◆ Problem details
Each line below that carries the string "Concrete" must appear in the answer.
*** Data under study ***
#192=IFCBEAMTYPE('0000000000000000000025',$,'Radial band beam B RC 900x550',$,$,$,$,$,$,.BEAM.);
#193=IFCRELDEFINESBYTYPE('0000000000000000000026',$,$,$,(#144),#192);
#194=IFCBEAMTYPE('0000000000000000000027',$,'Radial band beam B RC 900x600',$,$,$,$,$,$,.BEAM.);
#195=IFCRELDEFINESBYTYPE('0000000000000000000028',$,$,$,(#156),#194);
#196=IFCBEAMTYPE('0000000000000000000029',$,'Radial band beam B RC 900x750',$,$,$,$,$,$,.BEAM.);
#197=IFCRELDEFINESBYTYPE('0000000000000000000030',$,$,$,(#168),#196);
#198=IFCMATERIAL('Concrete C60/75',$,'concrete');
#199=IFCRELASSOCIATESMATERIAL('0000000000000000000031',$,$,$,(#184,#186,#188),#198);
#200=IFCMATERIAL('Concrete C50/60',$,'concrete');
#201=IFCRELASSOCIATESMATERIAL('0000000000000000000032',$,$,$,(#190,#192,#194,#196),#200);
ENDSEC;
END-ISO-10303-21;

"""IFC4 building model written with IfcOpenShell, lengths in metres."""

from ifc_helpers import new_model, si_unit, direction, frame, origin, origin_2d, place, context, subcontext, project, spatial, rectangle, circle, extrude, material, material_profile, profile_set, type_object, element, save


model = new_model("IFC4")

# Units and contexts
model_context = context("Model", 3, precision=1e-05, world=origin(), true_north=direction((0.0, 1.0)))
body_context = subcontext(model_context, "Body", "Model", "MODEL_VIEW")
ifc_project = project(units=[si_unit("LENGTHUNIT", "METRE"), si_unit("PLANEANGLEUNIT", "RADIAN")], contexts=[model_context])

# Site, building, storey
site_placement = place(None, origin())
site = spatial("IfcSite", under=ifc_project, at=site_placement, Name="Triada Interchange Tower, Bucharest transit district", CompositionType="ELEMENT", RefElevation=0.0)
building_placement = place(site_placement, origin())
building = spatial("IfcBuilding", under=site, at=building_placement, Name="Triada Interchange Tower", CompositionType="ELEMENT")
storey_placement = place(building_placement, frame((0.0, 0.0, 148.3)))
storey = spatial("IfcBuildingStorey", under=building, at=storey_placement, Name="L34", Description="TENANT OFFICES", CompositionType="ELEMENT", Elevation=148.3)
***
◆ Result of this task
#198=IFCMATERIAL('Concrete C60/75',$,'concrete');
#200=IFCMATERIAL('Concrete C50/60',$,'concrete');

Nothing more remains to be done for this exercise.